[Collected data entries]
*-*-*

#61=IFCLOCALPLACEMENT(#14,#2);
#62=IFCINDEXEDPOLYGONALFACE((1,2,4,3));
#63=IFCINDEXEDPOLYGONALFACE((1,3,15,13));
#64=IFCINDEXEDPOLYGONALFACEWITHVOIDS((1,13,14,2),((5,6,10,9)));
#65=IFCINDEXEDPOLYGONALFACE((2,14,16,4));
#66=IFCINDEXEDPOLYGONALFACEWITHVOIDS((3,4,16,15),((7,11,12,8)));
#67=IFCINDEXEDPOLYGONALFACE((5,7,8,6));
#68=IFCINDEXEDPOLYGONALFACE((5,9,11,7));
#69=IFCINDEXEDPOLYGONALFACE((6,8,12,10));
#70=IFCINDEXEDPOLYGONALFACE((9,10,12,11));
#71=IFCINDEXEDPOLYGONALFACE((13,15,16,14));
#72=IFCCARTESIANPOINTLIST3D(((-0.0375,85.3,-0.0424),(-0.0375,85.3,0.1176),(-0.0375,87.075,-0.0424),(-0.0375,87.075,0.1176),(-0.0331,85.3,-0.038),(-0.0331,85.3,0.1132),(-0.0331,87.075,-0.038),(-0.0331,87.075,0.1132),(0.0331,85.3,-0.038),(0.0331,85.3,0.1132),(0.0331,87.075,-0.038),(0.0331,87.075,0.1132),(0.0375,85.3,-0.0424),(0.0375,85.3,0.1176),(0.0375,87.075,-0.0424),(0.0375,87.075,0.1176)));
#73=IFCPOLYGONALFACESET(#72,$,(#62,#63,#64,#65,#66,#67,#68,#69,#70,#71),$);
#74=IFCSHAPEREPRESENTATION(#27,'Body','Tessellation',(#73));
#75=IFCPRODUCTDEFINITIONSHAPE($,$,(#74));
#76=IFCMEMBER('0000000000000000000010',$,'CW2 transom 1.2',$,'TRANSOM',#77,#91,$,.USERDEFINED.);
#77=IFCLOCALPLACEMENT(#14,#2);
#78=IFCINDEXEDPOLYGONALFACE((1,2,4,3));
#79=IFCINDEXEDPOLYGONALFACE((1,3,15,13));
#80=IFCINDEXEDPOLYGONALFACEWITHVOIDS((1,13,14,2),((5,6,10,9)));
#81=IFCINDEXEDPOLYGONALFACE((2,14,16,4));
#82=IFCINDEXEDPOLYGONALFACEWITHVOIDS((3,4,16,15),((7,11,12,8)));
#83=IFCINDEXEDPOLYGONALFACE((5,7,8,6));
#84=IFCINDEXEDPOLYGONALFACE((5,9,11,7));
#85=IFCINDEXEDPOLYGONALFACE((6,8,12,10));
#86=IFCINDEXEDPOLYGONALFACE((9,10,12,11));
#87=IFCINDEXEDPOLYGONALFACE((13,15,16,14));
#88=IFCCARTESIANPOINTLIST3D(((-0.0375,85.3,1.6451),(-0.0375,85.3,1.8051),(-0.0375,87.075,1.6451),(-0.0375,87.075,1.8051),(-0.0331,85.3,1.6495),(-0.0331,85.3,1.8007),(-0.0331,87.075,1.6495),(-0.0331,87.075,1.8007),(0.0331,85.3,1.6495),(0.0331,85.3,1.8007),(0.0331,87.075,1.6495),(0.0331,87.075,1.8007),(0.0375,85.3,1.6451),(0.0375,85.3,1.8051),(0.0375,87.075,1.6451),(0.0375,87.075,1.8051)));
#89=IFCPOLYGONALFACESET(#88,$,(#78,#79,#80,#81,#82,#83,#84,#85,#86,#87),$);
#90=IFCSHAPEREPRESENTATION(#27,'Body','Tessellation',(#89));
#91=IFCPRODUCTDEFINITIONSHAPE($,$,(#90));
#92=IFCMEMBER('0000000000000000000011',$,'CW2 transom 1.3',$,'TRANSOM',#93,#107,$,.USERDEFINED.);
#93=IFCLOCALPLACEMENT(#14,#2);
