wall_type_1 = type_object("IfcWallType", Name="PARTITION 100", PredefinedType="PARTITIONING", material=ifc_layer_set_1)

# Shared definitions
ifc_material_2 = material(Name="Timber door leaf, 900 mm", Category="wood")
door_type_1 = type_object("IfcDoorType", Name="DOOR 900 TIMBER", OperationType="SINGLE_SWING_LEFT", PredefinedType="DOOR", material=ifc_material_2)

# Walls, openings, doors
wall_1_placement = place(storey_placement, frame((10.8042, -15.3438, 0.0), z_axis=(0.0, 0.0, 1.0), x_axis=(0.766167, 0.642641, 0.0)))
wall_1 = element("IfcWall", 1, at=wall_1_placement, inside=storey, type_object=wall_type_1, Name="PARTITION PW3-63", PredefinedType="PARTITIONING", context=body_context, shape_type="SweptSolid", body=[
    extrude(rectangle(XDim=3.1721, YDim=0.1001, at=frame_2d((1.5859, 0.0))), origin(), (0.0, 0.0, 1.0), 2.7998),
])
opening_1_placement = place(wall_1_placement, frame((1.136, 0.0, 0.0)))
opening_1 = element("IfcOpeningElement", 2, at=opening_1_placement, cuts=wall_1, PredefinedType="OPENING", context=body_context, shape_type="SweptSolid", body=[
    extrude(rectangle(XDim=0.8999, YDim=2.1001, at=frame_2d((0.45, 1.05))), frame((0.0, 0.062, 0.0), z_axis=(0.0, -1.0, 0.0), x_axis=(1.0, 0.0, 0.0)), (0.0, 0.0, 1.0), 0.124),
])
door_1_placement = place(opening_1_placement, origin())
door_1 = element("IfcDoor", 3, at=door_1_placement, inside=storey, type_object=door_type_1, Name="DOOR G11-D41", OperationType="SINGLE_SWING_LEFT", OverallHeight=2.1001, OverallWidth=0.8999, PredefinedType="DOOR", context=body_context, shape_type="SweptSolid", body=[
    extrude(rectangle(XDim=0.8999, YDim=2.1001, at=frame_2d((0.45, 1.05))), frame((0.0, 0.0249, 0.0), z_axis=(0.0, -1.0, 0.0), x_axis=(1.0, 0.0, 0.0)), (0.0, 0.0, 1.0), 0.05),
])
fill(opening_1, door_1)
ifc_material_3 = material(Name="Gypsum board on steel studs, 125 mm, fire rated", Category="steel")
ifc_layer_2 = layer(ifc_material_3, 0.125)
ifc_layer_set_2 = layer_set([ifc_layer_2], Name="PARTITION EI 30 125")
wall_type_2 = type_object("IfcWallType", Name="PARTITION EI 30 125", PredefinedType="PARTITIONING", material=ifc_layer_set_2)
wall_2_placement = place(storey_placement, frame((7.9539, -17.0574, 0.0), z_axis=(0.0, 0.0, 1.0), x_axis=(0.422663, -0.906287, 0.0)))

*-*-*

** Exercise instructions **
Filter the entries down to the lines holding the string "rectangle". Copy each of those lines.

** Written response **
    extrude(rectangle(XDim=3.1721, YDim=0.1001, at=frame_2d((1.5859, 0.0))), origin(), (0.0, 0.0, 1.0), 2.7998),
    extrude(rectangle(XDim=0.8999, YDim=2.1001, at=frame_2d((0.45, 1.05))), frame((0.0, 0.062, 0.0), z_axis=(0.0, -1.0, 0.0), x_axis=(1.0, 0.0, 0.0)), (0.0, 0.0, 1.0), 0.124),
    extrude(rectangle(XDim=0.8999, YDim=2.1001, at=frame_2d((0.45, 1.05))), frame((0.0, 0.0249, 0.0), z_axis=(0.0, -1.0, 0.0), x_axis=(1.0, 0.0, 0.0)), (0.0, 0.0, 1.0), 0.05),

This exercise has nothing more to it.